§ **Requirement**: Can you return the records below exactly as they stand, but only from the first line through the one with "for number, where, z_axis, x_axis, name"?

Collected data entries:

*-*-*

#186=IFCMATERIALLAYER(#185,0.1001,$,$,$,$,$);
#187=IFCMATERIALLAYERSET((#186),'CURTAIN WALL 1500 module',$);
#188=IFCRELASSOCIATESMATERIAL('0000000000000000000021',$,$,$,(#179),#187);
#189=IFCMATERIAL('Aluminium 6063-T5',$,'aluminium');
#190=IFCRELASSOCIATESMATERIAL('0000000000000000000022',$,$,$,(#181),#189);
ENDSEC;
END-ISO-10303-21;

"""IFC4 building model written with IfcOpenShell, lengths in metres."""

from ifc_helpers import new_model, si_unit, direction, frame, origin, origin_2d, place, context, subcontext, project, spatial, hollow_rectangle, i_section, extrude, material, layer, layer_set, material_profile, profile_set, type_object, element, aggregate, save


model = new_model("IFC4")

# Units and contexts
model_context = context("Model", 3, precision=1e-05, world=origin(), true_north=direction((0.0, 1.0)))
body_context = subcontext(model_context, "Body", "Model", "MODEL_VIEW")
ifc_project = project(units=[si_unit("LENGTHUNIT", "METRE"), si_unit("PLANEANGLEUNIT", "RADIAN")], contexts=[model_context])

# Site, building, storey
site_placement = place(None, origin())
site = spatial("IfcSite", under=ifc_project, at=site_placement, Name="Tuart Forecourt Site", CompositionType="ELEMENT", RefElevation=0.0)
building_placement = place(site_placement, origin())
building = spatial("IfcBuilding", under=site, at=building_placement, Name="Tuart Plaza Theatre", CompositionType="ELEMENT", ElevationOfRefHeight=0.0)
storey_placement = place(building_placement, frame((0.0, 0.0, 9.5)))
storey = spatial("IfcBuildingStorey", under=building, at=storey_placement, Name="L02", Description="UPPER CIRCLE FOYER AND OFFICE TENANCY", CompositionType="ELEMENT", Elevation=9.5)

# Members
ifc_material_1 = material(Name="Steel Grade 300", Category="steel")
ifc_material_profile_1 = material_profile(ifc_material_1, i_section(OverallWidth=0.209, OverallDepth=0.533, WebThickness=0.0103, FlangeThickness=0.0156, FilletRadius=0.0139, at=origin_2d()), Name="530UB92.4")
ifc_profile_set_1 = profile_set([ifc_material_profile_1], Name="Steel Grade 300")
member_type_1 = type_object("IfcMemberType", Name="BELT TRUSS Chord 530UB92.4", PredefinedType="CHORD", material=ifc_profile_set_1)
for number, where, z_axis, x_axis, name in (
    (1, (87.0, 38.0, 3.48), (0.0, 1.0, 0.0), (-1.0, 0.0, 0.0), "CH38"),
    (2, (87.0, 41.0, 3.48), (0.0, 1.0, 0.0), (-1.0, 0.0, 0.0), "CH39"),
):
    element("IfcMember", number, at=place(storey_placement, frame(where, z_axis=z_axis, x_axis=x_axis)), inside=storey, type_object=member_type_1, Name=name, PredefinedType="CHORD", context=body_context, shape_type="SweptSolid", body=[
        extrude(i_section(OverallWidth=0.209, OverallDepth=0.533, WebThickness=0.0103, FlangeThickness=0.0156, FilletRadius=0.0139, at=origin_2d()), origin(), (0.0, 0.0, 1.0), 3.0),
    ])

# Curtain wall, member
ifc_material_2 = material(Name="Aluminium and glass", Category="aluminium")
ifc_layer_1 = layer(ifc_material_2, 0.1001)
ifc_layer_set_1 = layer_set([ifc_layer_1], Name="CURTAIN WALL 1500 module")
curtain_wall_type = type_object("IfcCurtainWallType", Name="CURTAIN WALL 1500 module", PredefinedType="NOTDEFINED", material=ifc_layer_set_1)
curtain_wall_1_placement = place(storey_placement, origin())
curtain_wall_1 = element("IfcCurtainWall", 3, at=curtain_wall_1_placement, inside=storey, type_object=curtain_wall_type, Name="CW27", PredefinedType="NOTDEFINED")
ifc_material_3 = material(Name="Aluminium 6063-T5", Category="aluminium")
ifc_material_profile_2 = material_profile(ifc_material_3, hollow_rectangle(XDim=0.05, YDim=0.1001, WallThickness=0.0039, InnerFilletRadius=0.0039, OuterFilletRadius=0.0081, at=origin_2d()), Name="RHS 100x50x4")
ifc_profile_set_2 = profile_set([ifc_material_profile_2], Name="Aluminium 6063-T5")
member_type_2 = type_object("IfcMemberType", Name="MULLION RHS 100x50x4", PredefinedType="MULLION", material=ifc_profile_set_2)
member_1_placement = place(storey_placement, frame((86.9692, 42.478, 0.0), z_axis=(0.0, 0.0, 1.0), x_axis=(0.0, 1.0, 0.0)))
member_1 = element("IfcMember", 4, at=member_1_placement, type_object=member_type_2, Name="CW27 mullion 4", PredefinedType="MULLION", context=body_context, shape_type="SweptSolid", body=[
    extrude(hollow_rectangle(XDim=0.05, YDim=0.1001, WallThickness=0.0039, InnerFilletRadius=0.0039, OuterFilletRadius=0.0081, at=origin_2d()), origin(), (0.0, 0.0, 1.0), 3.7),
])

*-*-*

§ **Solution to this problem**:
#186=IFCMATERIALLAYER(#185,0.1001,$,$,$,$,$);
#187=IFCMATERIALLAYERSET((#186),'CURTAIN WALL 1500 module',$);
#188=IFCRELASSOCIATESMATERIAL('0000000000000000000021',$,$,$,(#179),#187);
#189=IFCMATERIAL('Aluminium 6063-T5',$,'aluminium');
#190=IFCRELASSOCIATESMATERIAL('0000000000000000000022',$,$,$,(#181),#189);
ENDSEC;
END-ISO-10303-21;

"""IFC4 building model written with IfcOpenShell, lengths in metres."""

from ifc_helpers import new_model, si_unit, direction, frame, origin, origin_2d, place, context, subcontext, project, spatial, hollow_rectangle, i_section, extrude, material, layer, layer_set, material_profile, profile_set, type_object, element, aggregate, save


model = new_model("IFC4")

# Units and contexts
model_context = context("Model", 3, precision=1e-05, world=origin(), true_north=direction((0.0, 1.0)))
body_context = subcontext(model_context, "Body", "Model", "MODEL_VIEW")
ifc_project = project(units=[si_unit("LENGTHUNIT", "METRE"), si_unit("PLANEANGLEUNIT", "RADIAN")], contexts=[model_context])

# Site, building, storey
site_placement = place(None, origin())
site = spatial("IfcSite", under=ifc_project, at=site_placement, Name="Tuart Forecourt Site", CompositionType="ELEMENT", RefElevation=0.0)
building_placement = place(site_placement, origin())
building = spatial("IfcBuilding", under=site, at=building_placement, Name="Tuart Plaza Theatre", CompositionType="ELEMENT", ElevationOfRefHeight=0.0)
storey_placement = place(building_placement, frame((0.0, 0.0, 9.5)))
storey = spatial("IfcBuildingStorey", under=building, at=storey_placement, Name="L02", Description="UPPER CIRCLE FOYER AND OFFICE TENANCY", CompositionType="ELEMENT", Elevation=9.5)

# Members
ifc_material_1 = material(Name="Steel Grade 300", Category="steel")
ifc_material_profile_1 = material_profile(ifc_material_1, i_section(OverallWidth=0.209, OverallDepth=0.533, WebThickness=0.0103, FlangeThickness=0.0156, FilletRadius=0.0139, at=origin_2d()), Name="530UB92.4")
ifc_profile_set_1 = profile_set([ifc_material_profile_1], Name="Steel Grade 300")
member_type_1 = type_object("IfcMemberType", Name="BELT TRUSS Chord 530UB92.4", PredefinedType="CHORD", material=ifc_profile_set_1)
for number, where, z_axis, x_axis, name in (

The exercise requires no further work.